**ACTIVITY**
Considering every line below, count those with the word "IFCPRODUCTDEFINITIONSHAPE" and give only the result.
****************
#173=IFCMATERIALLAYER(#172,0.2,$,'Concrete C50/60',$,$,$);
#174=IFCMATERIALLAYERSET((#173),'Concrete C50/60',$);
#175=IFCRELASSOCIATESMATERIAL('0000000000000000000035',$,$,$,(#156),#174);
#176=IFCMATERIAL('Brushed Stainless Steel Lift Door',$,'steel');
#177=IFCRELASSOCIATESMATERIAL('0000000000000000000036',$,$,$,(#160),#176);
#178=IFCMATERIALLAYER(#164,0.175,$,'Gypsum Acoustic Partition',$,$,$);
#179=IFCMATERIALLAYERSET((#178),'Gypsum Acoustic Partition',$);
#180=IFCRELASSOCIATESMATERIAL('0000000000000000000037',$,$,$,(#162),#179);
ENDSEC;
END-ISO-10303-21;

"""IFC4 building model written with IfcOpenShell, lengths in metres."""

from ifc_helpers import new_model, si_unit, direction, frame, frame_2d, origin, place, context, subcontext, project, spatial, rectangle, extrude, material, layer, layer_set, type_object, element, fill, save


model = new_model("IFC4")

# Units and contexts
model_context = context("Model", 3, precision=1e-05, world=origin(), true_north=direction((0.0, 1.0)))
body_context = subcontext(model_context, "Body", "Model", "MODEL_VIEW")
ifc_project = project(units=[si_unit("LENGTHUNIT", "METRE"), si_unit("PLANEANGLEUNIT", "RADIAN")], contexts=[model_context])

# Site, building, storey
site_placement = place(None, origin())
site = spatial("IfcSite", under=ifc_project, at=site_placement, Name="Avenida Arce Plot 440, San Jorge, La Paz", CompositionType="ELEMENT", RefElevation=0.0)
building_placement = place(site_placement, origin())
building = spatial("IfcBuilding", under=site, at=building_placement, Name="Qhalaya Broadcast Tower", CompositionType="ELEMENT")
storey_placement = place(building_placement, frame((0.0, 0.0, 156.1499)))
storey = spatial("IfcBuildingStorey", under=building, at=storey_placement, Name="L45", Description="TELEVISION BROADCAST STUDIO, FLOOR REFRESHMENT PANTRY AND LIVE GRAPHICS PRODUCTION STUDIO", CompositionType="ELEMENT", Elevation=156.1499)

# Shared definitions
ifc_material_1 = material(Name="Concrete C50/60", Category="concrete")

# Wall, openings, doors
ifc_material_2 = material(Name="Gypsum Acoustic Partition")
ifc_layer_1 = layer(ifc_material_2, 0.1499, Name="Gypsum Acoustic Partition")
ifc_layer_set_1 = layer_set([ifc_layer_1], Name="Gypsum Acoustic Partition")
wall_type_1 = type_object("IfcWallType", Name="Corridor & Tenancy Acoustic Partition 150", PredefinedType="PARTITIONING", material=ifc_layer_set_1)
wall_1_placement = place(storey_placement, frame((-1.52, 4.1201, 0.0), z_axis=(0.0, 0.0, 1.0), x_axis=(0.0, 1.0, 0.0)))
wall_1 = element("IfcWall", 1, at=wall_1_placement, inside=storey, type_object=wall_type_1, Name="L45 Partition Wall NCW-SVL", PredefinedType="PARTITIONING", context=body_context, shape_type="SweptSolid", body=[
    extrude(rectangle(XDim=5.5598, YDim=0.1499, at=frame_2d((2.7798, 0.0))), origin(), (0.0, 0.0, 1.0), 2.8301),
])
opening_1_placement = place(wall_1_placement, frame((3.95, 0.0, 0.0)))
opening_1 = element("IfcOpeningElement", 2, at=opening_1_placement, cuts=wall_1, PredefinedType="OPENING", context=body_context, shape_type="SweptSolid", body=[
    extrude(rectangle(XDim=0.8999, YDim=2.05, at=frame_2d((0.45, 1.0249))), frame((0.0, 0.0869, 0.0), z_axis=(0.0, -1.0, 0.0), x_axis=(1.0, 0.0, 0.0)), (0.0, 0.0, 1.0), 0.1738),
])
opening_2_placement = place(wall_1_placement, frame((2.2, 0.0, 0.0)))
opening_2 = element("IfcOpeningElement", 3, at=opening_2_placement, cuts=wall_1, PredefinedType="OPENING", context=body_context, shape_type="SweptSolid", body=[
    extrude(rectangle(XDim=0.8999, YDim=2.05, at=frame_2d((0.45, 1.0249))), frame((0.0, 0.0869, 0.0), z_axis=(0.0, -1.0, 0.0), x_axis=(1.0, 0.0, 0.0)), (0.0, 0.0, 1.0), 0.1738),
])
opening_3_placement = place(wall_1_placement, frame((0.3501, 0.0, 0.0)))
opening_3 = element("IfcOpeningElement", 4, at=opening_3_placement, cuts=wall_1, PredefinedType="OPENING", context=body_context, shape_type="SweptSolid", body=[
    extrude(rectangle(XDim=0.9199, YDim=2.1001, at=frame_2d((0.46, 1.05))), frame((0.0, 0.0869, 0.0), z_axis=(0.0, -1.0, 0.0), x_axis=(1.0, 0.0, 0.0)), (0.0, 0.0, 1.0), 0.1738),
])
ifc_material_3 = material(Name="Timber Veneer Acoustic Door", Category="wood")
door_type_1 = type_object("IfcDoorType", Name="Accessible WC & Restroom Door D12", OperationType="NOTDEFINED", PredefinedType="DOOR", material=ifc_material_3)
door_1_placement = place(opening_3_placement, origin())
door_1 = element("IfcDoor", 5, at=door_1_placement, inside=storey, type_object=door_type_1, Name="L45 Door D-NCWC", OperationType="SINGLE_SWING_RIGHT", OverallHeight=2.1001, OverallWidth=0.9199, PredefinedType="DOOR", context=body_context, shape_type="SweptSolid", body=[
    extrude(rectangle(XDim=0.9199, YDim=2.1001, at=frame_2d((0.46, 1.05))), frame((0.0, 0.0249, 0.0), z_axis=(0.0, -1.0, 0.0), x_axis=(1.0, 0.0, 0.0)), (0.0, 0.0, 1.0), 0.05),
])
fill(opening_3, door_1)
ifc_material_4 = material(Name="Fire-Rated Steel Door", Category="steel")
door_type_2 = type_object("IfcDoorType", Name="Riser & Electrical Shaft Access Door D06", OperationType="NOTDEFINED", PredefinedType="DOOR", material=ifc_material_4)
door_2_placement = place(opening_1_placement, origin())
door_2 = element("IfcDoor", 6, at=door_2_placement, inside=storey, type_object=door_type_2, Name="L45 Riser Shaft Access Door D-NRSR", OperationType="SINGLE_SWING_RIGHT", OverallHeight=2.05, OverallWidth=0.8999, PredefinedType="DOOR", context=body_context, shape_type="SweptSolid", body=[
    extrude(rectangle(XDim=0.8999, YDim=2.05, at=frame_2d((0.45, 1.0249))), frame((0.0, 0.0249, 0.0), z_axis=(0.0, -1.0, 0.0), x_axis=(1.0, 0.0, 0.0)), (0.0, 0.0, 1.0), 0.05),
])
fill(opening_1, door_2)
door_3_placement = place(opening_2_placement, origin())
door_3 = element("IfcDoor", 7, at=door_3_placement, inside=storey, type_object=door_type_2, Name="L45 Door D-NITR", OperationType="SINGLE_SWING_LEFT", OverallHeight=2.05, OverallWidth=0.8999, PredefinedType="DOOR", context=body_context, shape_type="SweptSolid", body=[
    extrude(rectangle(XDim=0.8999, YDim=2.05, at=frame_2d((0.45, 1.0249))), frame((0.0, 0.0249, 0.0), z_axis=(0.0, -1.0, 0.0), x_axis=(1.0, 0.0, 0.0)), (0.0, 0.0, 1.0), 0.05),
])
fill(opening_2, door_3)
****************
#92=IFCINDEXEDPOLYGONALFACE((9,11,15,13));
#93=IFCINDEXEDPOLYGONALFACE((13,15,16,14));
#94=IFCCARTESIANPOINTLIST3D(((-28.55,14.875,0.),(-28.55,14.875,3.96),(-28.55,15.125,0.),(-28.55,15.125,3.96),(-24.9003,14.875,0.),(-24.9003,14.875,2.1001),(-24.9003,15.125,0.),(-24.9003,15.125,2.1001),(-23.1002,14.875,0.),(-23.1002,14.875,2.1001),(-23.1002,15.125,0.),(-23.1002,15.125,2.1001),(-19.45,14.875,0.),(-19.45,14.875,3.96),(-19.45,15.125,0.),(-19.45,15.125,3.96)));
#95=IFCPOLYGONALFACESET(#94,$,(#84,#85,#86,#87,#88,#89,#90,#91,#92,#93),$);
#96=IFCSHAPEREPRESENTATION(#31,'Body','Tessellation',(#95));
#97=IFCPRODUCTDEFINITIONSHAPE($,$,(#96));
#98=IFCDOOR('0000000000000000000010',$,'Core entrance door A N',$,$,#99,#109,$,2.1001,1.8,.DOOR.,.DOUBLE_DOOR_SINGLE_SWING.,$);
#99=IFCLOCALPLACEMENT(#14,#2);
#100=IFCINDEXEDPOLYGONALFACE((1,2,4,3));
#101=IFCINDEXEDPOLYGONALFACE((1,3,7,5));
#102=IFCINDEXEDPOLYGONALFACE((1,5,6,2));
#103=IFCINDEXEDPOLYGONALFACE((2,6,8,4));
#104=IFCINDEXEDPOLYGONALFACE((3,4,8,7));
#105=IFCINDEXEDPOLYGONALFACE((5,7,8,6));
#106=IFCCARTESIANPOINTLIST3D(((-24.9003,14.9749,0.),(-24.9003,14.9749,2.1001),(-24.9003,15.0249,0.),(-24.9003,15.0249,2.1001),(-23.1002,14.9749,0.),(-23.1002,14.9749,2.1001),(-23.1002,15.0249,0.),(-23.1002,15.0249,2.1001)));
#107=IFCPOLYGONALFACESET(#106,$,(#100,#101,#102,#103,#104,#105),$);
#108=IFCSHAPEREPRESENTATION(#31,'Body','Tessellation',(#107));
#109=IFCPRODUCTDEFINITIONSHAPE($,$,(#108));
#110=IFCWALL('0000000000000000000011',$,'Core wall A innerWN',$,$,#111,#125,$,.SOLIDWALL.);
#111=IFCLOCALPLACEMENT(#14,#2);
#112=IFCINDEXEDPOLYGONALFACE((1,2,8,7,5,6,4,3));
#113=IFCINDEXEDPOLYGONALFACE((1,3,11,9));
****************
**RESPONSE TO THE TASK**
2